Exercise brief: Select from the data all lines with the word "save".

*** Opening of Dataset extract ***

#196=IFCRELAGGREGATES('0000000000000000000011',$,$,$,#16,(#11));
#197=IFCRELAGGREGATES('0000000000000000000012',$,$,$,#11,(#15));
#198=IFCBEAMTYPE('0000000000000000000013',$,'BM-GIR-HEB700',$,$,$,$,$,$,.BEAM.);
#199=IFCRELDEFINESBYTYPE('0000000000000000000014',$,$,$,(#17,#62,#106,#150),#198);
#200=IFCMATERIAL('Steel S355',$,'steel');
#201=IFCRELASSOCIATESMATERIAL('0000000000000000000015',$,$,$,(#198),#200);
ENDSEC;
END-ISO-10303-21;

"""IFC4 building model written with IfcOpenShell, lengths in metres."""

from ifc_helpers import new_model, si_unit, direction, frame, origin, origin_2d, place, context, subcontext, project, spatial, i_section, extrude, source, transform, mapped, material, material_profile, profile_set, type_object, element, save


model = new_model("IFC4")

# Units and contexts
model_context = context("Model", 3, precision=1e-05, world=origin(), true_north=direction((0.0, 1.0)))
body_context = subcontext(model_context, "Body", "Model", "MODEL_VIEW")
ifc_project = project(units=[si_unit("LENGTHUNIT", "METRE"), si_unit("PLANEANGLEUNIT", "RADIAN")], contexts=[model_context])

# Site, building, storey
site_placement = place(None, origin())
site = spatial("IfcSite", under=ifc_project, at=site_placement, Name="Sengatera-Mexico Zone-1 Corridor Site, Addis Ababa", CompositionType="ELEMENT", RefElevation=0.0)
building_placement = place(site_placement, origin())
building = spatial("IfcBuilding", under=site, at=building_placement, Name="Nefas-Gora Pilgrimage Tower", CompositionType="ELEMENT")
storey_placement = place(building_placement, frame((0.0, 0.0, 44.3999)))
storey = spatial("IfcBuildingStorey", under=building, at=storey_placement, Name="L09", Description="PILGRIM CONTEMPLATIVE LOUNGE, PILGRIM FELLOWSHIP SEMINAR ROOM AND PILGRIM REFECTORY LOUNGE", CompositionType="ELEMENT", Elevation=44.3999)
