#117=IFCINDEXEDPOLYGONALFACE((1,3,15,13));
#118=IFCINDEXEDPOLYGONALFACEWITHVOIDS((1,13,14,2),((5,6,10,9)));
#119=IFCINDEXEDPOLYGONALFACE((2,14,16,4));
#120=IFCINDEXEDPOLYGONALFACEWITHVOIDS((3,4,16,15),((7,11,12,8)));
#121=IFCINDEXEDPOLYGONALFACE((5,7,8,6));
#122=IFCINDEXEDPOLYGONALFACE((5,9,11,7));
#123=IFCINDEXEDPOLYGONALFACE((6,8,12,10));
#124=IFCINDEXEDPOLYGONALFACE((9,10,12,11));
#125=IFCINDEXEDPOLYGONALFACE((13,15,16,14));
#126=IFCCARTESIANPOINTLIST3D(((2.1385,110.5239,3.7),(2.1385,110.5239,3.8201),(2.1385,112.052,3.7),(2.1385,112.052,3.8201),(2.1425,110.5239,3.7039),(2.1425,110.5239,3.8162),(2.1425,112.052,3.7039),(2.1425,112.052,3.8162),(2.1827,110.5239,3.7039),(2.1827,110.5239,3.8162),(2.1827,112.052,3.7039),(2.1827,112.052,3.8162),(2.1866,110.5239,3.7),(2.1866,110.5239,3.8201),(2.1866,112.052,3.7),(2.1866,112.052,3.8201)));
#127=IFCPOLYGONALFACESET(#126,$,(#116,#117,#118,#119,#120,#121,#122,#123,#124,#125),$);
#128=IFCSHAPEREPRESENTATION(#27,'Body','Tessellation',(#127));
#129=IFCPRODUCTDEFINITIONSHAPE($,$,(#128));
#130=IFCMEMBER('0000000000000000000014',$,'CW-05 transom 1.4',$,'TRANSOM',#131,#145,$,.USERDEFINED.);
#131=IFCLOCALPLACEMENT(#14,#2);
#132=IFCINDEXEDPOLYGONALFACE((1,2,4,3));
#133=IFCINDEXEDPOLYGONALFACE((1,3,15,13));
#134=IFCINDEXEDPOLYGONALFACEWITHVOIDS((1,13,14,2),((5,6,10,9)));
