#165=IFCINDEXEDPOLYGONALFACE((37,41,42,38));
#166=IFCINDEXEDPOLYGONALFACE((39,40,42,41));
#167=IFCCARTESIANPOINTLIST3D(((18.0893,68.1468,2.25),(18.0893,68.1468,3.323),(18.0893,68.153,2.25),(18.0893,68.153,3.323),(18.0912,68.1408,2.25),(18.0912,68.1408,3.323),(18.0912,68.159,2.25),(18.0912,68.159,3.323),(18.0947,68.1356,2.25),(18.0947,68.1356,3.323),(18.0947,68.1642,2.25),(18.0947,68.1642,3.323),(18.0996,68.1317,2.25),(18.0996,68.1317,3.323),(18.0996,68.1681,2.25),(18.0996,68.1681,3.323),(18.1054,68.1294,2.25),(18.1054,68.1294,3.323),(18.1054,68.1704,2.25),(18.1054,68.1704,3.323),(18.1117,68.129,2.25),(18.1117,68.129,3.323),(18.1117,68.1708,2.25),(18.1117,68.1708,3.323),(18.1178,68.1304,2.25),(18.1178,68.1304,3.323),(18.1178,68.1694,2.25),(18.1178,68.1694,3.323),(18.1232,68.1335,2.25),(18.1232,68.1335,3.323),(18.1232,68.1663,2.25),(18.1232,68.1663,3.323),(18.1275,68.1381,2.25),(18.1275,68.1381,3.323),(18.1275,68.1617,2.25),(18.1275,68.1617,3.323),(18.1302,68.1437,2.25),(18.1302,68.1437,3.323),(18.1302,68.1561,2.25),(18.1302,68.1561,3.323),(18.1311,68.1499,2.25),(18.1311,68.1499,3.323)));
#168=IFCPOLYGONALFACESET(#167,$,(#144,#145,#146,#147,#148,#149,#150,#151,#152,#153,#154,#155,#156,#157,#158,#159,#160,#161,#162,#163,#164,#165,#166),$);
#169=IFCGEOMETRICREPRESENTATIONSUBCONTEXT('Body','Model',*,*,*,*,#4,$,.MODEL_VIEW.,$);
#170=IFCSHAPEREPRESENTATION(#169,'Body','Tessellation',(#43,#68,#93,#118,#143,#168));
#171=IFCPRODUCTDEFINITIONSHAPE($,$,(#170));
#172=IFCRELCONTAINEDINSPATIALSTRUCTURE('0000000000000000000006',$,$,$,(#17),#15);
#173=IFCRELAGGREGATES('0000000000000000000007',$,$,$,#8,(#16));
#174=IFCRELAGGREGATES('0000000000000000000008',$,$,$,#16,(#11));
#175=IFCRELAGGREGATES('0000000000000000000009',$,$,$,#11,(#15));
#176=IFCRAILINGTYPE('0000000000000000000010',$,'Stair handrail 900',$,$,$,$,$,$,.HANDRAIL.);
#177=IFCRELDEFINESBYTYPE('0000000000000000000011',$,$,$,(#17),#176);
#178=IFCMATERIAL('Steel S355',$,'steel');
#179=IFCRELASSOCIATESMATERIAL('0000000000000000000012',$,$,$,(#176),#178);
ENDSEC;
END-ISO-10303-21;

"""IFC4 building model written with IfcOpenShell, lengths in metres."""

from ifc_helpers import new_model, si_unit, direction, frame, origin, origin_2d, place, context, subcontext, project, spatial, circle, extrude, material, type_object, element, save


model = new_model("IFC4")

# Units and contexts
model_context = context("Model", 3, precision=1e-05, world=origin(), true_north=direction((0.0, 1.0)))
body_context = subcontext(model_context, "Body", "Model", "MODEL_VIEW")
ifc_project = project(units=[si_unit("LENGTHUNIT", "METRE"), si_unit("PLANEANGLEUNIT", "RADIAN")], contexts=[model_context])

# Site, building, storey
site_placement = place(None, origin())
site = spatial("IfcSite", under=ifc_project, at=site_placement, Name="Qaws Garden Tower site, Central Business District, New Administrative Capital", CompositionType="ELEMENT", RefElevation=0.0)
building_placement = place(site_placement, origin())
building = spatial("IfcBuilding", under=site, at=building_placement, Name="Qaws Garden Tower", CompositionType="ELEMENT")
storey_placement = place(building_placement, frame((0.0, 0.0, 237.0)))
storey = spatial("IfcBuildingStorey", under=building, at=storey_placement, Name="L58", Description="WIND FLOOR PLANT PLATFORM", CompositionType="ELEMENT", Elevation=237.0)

*** Close of Dataset extract ***

Reply to the task:
from ifc_helpers import new_model, si_unit, direction, frame, origin, origin_2d, place, context, subcontext, project, spatial, i_section, extrude, source, transform, mapped, material, material_profile, profile_set, type_object, element, save
from ifc_helpers import new_model, si_unit, direction, frame, origin, origin_2d, place, context, subcontext, project, spatial, circle, extrude, material, type_object, element, save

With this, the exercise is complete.